-- RECORDS PROVIDED follows --
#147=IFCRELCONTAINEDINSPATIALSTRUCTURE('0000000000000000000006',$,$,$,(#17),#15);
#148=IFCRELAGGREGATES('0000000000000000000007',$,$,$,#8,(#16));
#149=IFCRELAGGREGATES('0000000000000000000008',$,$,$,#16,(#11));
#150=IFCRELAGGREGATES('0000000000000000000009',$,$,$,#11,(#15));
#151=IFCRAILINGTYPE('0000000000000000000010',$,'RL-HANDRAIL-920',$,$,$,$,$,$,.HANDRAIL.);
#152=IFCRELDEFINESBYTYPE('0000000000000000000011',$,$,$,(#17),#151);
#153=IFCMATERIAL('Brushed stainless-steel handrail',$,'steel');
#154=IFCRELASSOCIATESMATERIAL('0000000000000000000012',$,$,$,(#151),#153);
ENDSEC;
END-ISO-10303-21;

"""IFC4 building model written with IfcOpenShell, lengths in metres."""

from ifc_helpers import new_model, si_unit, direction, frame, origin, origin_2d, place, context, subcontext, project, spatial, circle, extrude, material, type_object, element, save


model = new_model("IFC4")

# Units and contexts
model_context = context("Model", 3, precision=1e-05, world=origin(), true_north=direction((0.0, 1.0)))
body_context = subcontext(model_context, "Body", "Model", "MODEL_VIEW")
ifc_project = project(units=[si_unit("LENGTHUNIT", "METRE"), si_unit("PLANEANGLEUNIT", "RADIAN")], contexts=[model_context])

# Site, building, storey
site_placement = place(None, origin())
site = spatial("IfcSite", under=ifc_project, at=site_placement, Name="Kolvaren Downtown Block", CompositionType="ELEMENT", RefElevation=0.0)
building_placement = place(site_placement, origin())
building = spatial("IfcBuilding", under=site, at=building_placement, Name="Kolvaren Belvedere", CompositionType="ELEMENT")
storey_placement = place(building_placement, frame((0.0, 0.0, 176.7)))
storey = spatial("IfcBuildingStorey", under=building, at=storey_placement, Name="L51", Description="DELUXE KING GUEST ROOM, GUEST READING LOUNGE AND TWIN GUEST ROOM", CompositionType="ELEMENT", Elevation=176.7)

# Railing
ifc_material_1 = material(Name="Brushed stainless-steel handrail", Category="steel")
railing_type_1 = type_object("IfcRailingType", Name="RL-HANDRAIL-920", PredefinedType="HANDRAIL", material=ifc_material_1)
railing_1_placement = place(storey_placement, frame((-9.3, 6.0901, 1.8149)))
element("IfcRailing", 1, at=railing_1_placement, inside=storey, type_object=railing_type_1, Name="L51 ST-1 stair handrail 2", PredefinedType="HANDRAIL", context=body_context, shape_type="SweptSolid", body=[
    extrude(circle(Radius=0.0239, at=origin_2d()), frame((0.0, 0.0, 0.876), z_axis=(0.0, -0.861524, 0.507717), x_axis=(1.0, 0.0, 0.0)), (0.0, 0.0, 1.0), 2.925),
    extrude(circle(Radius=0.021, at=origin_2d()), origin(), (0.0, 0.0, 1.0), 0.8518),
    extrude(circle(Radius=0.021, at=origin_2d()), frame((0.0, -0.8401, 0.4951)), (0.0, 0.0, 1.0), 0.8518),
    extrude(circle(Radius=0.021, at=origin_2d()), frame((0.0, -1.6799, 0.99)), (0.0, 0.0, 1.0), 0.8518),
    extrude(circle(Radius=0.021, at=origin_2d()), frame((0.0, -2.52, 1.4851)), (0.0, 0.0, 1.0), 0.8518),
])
-- RECORDS PROVIDED concluded --
When you copy the data, keep every line word for word.

> _RESULT_:
#147=IFCRELCONTAINEDINSPATIALSTRUCTURE('0000000000000000000006',$,$,$,(#17),#15);
#148=IFCRELAGGREGATES('0000000000000000000007',$,$,$,#8,(#16));
#149=IFCRELAGGREGATES('0000000000000000000008',$,$,$,#16,(#11));
#150=IFCRELAGGREGATES('0000000000000000000009',$,$,$,#11,(#15));
#151=IFCRAILINGTYPE('0000000000000000000010',$,'RL-HANDRAIL-920',$,$,$,$,$,$,.HANDRAIL.);
#152=IFCRELDEFINESBYTYPE('0000000000000000000011',$,$,$,(#17),#151);
#153=IFCMATERIAL('Brushed stainless-steel handrail',$,'steel');
#154=IFCRELASSOCIATESMATERIAL('0000000000000000000012',$,$,$,(#151),#153);
ENDSEC;
END-ISO-10303-21;

"""IFC4 building model written with IfcOpenShell, lengths in metres."""

from ifc_helpers import new_model, si_unit, direction, frame, origin, origin_2d, place, context, subcontext, project, spatial, circle, extrude, material, type_object, element, save


model = new_model("IFC4")

# Units and contexts
model_context = context("Model", 3, precision=1e-05, world=origin(), true_north=direction((0.0, 1.0)))
body_context = subcontext(model_context, "Body", "Model", "MODEL_VIEW")
ifc_project = project(units=[si_unit("LENGTHUNIT", "METRE"), si_unit("PLANEANGLEUNIT", "RADIAN")], contexts=[model_context])

# Site, building, storey
site_placement = place(None, origin())
site = spatial("IfcSite", under=ifc_project, at=site_placement, Name="Kolvaren Downtown Block", CompositionType="ELEMENT", RefElevation=0.0)
building_placement = place(site_placement, origin())
building = spatial("IfcBuilding", under=site, at=building_placement, Name="Kolvaren Belvedere", CompositionType="ELEMENT")
storey_placement = place(building_placement, frame((0.0, 0.0, 176.7)))
storey = spatial("IfcBuildingStorey", under=building, at=storey_placement, Name="L51", Description="DELUXE KING GUEST ROOM, GUEST READING LOUNGE AND TWIN GUEST ROOM", CompositionType="ELEMENT", Elevation=176.7)

# Railing
ifc_material_1 = material(Name="Brushed stainless-steel handrail", Category="steel")
railing_type_1 = type_object("IfcRailingType", Name="RL-HANDRAIL-920", PredefinedType="HANDRAIL", material=ifc_material_1)
railing_1_placement = place(storey_placement, frame((-9.3, 6.0901, 1.8149)))
element("IfcRailing", 1, at=railing_1_placement, inside=storey, type_object=railing_type_1, Name="L51 ST-1 stair handrail 2", PredefinedType="HANDRAIL", context=body_context, shape_type="SweptSolid", body=[
    extrude(circle(Radius=0.0239, at=origin_2d()), frame((0.0, 0.0, 0.876), z_axis=(0.0, -0.861524, 0.507717), x_axis=(1.0, 0.0, 0.0)), (0.0, 0.0, 1.0), 2.925),
    extrude(circle(Radius=0.021, at=origin_2d()), origin(), (0.0, 0.0, 1.0), 0.8518),
    extrude(circle(Radius=0.021, at=origin_2d()), frame((0.0, -0.8401, 0.4951)), (0.0, 0.0, 1.0), 0.8518),
    extrude(circle(Radius=0.021, at=origin_2d()), frame((0.0, -1.6799, 0.99)), (0.0, 0.0, 1.0), 0.8518),
    extrude(circle(Radius=0.021, at=origin_2d()), frame((0.0, -2.52, 1.4851)), (0.0, 0.0, 1.0), 0.8518),
])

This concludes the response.